PROBLEM TO SOLVE >>
Only lines containing "IFCMEMBER" are wanted from the data below. Copy those lines.

TASK DATA >>
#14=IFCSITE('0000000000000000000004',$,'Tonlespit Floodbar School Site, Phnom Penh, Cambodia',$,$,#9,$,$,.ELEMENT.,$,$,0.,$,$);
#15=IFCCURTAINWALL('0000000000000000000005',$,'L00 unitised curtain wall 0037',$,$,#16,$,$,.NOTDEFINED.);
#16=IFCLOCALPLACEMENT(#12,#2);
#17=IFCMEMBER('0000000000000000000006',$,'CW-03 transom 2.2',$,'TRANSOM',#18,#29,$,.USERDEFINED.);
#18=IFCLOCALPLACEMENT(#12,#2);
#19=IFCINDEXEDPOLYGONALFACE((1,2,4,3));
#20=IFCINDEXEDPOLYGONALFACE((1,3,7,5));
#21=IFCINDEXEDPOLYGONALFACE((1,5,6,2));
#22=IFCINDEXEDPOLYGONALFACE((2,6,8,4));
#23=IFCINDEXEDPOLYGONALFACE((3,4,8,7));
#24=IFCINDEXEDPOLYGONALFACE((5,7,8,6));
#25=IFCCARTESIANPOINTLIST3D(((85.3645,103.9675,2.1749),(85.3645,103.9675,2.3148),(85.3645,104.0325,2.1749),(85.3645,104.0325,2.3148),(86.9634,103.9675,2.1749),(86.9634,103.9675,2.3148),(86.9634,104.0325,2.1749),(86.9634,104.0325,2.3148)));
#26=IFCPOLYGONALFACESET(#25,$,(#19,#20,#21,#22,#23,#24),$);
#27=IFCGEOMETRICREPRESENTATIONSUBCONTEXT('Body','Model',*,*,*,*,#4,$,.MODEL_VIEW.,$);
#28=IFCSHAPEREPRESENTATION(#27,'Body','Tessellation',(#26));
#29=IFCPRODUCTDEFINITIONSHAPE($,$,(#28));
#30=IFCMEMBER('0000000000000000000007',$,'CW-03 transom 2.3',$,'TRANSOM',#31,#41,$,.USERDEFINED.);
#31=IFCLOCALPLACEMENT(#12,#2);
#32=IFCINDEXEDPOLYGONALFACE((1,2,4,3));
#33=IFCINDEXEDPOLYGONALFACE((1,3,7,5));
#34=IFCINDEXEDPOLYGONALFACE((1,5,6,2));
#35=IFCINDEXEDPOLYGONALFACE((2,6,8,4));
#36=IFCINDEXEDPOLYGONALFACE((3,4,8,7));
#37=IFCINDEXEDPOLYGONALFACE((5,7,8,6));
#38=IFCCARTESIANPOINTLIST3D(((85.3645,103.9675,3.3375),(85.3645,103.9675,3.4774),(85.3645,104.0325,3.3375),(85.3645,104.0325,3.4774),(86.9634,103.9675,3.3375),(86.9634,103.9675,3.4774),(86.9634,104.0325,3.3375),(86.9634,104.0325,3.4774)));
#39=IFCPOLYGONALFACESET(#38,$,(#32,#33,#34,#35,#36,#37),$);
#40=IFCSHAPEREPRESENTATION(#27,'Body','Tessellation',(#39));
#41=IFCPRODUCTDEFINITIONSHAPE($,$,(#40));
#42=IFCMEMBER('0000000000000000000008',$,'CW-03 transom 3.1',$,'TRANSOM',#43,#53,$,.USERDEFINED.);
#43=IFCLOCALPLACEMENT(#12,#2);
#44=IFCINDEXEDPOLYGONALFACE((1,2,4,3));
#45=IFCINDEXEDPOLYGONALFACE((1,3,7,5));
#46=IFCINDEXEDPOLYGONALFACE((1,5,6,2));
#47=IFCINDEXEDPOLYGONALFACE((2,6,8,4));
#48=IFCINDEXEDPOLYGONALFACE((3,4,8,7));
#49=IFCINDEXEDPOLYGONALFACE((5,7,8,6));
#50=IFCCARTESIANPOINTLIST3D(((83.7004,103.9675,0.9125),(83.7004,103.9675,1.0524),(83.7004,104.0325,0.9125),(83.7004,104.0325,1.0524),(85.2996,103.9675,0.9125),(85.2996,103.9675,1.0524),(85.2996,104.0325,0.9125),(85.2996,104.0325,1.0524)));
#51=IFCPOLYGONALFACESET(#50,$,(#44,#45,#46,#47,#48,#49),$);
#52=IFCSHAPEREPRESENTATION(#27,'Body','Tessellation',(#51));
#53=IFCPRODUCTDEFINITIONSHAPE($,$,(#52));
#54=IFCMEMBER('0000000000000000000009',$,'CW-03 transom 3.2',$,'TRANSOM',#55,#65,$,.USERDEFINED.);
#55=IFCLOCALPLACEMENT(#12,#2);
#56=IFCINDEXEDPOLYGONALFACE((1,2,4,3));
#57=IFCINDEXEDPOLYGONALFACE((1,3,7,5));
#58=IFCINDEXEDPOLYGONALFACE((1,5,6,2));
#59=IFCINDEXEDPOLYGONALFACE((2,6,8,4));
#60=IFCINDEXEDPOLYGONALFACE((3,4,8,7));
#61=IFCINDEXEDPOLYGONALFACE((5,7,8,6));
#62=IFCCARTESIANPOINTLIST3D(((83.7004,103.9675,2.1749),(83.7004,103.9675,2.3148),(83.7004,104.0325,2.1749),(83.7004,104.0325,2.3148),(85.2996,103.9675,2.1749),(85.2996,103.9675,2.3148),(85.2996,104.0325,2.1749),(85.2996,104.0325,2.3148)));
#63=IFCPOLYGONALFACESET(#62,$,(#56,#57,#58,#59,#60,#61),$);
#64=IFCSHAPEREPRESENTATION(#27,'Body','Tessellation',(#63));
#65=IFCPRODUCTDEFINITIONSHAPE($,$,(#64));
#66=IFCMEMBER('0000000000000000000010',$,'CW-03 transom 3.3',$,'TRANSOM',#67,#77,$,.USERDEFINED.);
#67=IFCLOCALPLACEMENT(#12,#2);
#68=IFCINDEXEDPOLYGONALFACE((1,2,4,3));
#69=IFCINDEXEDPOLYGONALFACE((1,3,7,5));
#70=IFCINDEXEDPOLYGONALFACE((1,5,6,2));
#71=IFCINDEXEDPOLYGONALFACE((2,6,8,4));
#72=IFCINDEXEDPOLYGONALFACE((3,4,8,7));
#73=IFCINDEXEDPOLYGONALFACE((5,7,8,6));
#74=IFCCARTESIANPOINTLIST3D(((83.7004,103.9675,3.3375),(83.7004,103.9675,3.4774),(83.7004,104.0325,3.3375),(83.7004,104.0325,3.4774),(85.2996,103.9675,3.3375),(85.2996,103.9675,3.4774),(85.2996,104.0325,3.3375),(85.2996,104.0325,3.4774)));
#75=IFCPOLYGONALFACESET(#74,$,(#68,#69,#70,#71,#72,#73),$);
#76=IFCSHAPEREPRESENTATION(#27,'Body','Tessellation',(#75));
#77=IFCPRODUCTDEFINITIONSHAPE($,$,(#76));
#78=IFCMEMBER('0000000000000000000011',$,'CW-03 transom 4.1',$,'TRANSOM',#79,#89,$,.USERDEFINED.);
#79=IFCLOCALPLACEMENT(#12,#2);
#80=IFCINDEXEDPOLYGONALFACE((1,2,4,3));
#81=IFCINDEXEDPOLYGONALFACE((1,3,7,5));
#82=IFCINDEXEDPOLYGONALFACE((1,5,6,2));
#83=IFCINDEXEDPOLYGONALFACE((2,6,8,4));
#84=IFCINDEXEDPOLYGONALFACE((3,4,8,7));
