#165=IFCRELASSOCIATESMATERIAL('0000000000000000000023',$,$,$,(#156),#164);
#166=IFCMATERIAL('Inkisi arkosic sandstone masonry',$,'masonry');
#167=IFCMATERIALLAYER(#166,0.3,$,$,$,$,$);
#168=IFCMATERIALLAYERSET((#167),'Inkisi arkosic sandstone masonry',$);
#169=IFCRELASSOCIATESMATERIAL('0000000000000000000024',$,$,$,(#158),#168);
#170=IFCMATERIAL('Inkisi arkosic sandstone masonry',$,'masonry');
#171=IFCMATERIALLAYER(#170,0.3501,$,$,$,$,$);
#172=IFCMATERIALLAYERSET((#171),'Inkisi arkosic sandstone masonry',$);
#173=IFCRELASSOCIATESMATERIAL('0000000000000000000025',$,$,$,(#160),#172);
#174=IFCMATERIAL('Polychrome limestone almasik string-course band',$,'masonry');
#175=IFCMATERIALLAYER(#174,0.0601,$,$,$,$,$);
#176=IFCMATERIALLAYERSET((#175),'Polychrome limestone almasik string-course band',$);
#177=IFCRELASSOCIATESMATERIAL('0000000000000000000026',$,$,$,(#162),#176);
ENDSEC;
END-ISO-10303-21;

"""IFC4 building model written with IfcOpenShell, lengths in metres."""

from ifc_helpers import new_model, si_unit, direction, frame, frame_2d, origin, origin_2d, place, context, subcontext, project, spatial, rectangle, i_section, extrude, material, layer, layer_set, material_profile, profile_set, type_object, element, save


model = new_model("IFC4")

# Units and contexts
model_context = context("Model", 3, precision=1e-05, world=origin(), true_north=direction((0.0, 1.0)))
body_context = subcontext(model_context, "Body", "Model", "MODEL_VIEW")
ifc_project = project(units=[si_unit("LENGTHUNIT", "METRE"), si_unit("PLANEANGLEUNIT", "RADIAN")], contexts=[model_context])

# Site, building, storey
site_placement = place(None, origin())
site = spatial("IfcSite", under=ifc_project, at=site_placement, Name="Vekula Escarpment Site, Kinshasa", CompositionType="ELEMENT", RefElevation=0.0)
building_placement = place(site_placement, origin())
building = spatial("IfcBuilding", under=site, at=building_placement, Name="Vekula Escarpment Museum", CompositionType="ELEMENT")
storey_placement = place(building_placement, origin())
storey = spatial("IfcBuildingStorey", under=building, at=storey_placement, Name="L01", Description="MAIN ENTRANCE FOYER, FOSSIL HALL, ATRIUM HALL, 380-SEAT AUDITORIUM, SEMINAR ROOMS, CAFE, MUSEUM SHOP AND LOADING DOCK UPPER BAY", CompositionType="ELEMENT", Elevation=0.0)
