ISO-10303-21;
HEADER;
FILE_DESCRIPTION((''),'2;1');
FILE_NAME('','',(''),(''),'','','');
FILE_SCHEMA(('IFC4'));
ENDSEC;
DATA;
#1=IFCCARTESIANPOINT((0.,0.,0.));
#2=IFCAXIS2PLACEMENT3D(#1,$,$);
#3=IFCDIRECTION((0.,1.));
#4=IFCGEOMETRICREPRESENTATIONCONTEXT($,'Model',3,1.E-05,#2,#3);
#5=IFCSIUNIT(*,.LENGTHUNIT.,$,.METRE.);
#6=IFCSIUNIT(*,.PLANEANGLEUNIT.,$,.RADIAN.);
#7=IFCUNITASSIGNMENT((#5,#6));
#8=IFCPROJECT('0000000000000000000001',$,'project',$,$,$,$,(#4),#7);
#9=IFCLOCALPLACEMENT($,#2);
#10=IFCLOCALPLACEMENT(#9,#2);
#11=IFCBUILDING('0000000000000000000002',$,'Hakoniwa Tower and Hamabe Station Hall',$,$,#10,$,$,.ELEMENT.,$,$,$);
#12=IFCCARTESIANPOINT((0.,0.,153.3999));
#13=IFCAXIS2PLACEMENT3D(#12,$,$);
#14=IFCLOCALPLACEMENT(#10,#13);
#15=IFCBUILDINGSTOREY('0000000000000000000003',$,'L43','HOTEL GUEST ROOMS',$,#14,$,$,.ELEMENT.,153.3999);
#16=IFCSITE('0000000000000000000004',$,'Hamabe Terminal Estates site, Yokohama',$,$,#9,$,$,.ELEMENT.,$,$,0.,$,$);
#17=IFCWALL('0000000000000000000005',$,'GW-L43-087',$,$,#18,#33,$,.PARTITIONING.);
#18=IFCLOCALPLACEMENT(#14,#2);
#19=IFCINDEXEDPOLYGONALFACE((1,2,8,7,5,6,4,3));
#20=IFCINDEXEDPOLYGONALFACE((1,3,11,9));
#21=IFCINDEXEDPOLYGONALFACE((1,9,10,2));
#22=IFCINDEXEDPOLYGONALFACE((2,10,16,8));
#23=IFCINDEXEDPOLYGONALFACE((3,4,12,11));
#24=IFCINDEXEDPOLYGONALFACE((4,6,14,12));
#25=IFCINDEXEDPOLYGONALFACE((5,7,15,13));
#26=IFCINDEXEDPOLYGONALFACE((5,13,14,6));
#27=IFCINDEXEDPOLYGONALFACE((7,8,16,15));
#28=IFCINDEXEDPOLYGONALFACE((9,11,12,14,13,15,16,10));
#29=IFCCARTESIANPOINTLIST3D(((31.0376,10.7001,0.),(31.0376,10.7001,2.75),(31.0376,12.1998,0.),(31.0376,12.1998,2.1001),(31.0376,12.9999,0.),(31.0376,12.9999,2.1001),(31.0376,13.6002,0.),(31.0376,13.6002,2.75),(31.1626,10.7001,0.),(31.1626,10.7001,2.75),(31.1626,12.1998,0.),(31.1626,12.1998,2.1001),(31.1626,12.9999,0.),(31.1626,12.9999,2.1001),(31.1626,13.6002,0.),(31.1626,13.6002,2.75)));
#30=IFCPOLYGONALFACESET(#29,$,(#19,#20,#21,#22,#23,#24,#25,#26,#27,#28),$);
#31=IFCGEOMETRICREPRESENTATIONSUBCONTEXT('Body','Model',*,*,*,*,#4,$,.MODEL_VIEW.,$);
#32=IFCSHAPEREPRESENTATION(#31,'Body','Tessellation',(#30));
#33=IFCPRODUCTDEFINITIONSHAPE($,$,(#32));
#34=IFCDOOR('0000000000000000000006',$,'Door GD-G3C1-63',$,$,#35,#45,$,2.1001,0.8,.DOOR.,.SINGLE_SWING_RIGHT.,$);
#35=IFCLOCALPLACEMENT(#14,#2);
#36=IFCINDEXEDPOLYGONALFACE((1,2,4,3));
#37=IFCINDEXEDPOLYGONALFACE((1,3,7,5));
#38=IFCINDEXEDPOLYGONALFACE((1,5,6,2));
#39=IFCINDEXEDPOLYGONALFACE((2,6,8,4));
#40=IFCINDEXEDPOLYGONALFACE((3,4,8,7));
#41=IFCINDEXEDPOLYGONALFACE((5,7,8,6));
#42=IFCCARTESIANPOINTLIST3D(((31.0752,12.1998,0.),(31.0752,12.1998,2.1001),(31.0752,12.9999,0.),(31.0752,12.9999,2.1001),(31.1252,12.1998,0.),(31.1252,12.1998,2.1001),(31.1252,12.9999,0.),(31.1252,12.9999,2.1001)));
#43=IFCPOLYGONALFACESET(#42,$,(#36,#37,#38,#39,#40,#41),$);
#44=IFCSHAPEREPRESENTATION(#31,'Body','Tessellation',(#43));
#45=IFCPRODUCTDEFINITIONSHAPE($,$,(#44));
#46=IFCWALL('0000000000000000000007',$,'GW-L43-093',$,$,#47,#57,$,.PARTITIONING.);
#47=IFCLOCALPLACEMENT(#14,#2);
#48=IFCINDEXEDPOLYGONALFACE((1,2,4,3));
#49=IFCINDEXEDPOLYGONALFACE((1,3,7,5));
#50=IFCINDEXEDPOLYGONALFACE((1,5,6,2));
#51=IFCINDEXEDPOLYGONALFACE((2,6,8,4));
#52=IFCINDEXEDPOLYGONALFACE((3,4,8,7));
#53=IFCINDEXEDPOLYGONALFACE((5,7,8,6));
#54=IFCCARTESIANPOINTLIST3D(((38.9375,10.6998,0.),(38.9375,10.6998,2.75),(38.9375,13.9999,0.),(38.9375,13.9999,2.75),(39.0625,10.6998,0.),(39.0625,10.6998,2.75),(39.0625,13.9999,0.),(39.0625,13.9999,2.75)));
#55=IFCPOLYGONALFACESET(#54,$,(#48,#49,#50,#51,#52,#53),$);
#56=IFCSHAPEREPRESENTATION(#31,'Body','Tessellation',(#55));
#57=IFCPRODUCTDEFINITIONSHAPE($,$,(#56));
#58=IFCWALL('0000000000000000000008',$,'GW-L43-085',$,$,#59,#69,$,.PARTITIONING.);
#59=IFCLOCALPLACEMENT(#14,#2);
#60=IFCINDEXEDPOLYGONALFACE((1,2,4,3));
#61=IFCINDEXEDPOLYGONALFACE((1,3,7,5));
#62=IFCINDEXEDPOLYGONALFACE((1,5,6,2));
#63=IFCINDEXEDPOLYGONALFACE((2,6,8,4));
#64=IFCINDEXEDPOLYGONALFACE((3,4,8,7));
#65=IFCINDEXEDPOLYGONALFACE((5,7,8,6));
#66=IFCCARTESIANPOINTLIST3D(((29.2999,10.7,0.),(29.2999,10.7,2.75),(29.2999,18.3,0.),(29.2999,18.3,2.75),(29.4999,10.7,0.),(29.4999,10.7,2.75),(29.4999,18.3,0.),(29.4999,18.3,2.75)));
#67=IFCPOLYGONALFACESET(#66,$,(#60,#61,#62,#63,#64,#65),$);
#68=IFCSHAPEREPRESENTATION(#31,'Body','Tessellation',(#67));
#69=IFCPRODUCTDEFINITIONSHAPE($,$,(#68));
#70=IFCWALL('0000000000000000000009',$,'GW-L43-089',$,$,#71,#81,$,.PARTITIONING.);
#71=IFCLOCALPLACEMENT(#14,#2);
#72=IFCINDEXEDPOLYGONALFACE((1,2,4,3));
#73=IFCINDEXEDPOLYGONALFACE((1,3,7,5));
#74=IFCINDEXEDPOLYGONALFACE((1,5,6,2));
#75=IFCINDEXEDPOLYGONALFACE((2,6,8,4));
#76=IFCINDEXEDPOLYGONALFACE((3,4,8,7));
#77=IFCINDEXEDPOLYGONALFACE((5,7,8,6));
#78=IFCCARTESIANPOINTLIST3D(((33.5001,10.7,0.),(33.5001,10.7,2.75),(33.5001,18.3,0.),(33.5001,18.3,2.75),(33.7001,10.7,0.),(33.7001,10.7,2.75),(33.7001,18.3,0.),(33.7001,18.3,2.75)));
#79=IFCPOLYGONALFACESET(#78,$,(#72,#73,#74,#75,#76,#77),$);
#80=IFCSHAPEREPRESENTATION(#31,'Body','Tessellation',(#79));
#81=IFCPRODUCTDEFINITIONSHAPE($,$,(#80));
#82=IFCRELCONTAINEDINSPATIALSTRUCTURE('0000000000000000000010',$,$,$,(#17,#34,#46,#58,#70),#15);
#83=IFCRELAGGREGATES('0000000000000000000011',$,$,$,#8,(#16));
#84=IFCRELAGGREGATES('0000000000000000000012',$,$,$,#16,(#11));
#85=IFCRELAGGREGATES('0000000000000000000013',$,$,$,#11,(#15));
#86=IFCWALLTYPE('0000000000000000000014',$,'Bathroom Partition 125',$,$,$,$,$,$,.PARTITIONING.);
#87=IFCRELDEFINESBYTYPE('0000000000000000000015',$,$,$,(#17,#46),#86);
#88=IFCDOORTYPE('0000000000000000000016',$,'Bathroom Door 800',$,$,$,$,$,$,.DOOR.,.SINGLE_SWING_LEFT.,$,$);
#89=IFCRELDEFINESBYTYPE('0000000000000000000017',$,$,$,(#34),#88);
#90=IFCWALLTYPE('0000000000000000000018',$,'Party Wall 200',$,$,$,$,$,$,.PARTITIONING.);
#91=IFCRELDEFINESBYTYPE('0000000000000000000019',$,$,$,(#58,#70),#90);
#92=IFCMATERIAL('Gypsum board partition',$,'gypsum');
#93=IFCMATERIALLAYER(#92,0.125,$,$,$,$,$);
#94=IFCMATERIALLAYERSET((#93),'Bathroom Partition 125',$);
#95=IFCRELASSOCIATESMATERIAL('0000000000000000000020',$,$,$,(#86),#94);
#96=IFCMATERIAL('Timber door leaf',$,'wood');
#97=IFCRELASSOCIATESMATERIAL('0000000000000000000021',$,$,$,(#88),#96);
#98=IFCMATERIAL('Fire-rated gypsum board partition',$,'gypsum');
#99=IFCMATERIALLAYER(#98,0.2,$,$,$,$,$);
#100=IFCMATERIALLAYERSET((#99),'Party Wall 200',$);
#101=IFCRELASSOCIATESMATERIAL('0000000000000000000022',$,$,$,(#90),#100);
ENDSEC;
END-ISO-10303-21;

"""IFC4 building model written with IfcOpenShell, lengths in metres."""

from ifc_helpers import new_model, si_unit, direction, frame, frame_2d, origin, place, context, subcontext, project, spatial, rectangle, extrude, material, layer, layer_set, type_object, element, fill, save


model = new_model("IFC4")

# Units and contexts
model_context = context("Model", 3, precision=1e-05, world=origin(), true_north=direction((0.0, 1.0)))
body_context = subcontext(model_context, "Body", "Model", "MODEL_VIEW")
ifc_project = project(units=[si_unit("LENGTHUNIT", "METRE"), si_unit("PLANEANGLEUNIT", "RADIAN")], contexts=[model_context])

# Site, building, storey
site_placement = place(None, origin())
site = spatial("IfcSite", under=ifc_project, at=site_placement, Name="Hamabe Terminal Estates site, Yokohama", CompositionType="ELEMENT", RefElevation=0.0)
building_placement = place(site_placement, origin())
building = spatial("IfcBuilding", under=site, at=building_placement, Name="Hakoniwa Tower and Hamabe Station Hall", CompositionType="ELEMENT")
storey_placement = place(building_placement, frame((0.0, 0.0, 153.3999)))
storey = spatial("IfcBuildingStorey", under=building, at=storey_placement, Name="L43", Description="HOTEL GUEST ROOMS", CompositionType="ELEMENT", Elevation=153.3999)

# Shared definitions
ifc_material_1 = material(Name="Gypsum board partition", Category="gypsum")
ifc_layer_1 = layer(ifc_material_1, 0.125)
ifc_layer_set_1 = layer_set([ifc_layer_1], Name="Bathroom Partition 125")
wall_type_1 = type_object("IfcWallType", Name="Bathroom Partition 125", PredefinedType="PARTITIONING", material=ifc_layer_set_1)

# Wall, opening, door
ifc_material_2 = material(Name="Timber door leaf", Category="wood")
door_type = type_object("IfcDoorType", Name="Bathroom Door 800", OperationType="SINGLE_SWING_LEFT", PredefinedType="DOOR", material=ifc_material_2)
wall_1_placement = place(storey_placement, frame((31.1001, 10.7, 0.0), z_axis=(0.0, 0.0, 1.0), x_axis=(0.0, 1.0, 0.0)))
wall_1 = element("IfcWall", 1, at=wall_1_placement, inside=storey, type_object=wall_type_1, Name="GW-L43-087", PredefinedType="PARTITIONING", context=body_context, shape_type="SweptSolid", body=[
    extrude(rectangle(XDim=2.9001, YDim=0.125, at=frame_2d((1.4502, 0.0))), origin(), (0.0, 0.0, 1.0), 2.75),
])
opening_1_placement = place(wall_1_placement, frame((1.5, 0.0, 0.0)))
opening_1 = element("IfcOpeningElement", 2, at=opening_1_placement, cuts=wall_1, PredefinedType="OPENING", context=body_context, shape_type="SweptSolid", body=[
    extrude(rectangle(XDim=0.8, YDim=2.1001, at=frame_2d((0.3999, 1.05))), frame((0.0, 0.0725, 0.0), z_axis=(0.0, -1.0, 0.0), x_axis=(1.0, 0.0, 0.0)), (0.0, 0.0, 1.0), 0.145),
])
door_1_placement = place(opening_1_placement, origin())
door_1 = element("IfcDoor", 3, at=door_1_placement, inside=storey, type_object=door_type, Name="Door GD-G3C1-63", OperationType="SINGLE_SWING_RIGHT", OverallHeight=2.1001, OverallWidth=0.8, PredefinedType="DOOR", context=body_context, shape_type="SweptSolid", body=[
    extrude(rectangle(XDim=0.8, YDim=2.1001, at=frame_2d((0.3999, 1.05))), frame((0.0, 0.0249, 0.0), z_axis=(0.0, -1.0, 0.0), x_axis=(1.0, 0.0, 0.0)), (0.0, 0.0, 1.0), 0.05),
])
fill(opening_1, door_1)

# Walls
wall_2_placement = place(storey_placement, frame((39.0, 10.7, 0.0), z_axis=(0.0, 0.0, 1.0), x_axis=(0.0, 1.0, 0.0)))
element("IfcWall", 4, at=wall_2_placement, inside=storey, type_object=wall_type_1, Name="GW-L43-093", PredefinedType="PARTITIONING", context=body_context, shape_type="SweptSolid", body=[
    extrude(rectangle(XDim=3.3, YDim=0.125, at=frame_2d((1.6499, 0.0))), origin(), (0.0, 0.0, 1.0), 2.75),
])
ifc_material_3 = material(Name="Fire-rated gypsum board partition", Category="gypsum")
ifc_layer_2 = layer(ifc_material_3, 0.2)
ifc_layer_set_2 = layer_set([ifc_layer_2], Name="Party Wall 200")
wall_type_2 = type_object("IfcWallType", Name="Party Wall 200", PredefinedType="PARTITIONING", material=ifc_layer_set_2)
for number, where, z_axis, x_axis, name in (
    (5, (29.3999, 10.7, 0.0), (0.0, 0.0, 1.0), (0.0, 1.0, 0.0), "GW-L43-085"),
    (6, (33.6001, 10.7, 0.0), (0.0, 0.0, 1.0), (0.0, 1.0, 0.0), "GW-L43-089"),
):
    element("IfcWall", number, at=place(storey_placement, frame(where, z_axis=z_axis, x_axis=x_axis)), inside=storey, type_object=wall_type_2, Name=name, PredefinedType="PARTITIONING", context=body_context, shape_type="SweptSolid", body=[
        extrude(rectangle(XDim=7.6001, YDim=0.2, at=frame_2d((3.8, 0.0))), origin(), (0.0, 0.0, 1.0), 2.75),
    ])

save(model, "model.ifc")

REPLY >>
#17=IFCMEMBER('0000000000000000000006',$,'CW-03 transom 2.2',$,'TRANSOM',#18,#29,$,.USERDEFINED.);
#30=IFCMEMBER('0000000000000000000007',$,'CW-03 transom 2.3',$,'TRANSOM',#31,#41,$,.USERDEFINED.);
#42=IFCMEMBER('0000000000000000000008',$,'CW-03 transom 3.1',$,'TRANSOM',#43,#53,$,.USERDEFINED.);
#54=IFCMEMBER('0000000000000000000009',$,'CW-03 transom 3.2',$,'TRANSOM',#55,#65,$,.USERDEFINED.);
#66=IFCMEMBER('0000000000000000000010',$,'CW-03 transom 3.3',$,'TRANSOM',#67,#77,$,.USERDEFINED.);
#78=IFCMEMBER('0000000000000000000011',$,'CW-03 transom 4.1',$,'TRANSOM',#79,#89,$,.USERDEFINED.);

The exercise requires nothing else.